== EXERCISE PROMPT ==
In the entries below, every line that contains "where" must be located and copied.

● ● ● ● ●

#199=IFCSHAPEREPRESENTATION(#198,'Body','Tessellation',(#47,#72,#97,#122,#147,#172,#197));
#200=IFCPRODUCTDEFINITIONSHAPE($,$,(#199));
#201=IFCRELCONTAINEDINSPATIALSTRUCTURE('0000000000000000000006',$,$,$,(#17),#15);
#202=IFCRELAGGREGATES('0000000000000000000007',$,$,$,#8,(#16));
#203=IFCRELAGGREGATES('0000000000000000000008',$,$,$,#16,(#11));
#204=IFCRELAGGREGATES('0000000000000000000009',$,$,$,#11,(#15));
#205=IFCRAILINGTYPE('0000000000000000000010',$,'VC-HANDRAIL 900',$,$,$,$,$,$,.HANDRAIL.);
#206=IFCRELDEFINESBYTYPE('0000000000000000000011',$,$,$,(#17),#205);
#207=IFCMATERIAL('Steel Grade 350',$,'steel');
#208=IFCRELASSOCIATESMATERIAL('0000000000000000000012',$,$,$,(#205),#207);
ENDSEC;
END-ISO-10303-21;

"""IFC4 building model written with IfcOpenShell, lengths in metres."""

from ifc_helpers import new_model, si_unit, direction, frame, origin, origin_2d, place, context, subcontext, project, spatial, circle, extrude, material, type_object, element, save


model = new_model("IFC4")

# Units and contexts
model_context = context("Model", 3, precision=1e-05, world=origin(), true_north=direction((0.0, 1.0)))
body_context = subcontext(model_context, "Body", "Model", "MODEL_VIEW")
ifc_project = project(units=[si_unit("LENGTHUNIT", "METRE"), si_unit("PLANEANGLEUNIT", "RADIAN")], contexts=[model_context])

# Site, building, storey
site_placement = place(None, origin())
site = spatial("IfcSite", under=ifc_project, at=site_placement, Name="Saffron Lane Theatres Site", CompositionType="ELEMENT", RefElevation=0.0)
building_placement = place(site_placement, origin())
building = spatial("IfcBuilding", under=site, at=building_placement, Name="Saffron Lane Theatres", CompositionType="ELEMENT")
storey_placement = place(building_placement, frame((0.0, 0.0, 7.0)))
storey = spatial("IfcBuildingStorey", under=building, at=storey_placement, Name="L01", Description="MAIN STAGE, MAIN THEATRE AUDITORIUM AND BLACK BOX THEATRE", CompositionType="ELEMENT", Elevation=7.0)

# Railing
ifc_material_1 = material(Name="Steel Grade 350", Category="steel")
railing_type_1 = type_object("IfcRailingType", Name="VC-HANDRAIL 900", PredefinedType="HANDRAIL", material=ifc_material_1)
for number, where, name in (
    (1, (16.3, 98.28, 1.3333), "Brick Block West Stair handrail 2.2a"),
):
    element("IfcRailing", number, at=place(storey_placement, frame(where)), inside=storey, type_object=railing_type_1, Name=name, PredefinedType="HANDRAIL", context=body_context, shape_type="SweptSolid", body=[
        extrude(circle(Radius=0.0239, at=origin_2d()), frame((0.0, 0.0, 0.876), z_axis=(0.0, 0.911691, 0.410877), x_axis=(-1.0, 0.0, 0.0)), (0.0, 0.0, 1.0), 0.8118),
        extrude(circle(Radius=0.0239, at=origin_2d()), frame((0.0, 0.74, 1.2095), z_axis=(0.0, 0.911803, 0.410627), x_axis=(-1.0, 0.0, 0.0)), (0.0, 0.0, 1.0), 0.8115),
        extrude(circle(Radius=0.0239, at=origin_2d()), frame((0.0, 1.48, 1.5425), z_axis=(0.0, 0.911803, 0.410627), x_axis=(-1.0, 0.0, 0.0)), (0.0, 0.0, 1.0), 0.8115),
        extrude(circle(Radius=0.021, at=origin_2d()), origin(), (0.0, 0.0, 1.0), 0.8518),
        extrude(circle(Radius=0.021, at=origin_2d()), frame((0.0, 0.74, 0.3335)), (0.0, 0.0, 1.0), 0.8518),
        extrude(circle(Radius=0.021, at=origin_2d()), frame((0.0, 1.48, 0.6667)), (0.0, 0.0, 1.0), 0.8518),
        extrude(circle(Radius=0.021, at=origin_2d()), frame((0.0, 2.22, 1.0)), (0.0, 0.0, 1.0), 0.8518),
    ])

● ● ● ● ●

== RESULT FOR THIS EXERCISE ==
for number, where, name in (
    element("IfcRailing", number, at=place(storey_placement, frame(where)), inside=storey, type_object=railing_type_1, Name=name, PredefinedType="HANDRAIL", context=body_context, shape_type="SweptSolid", body=[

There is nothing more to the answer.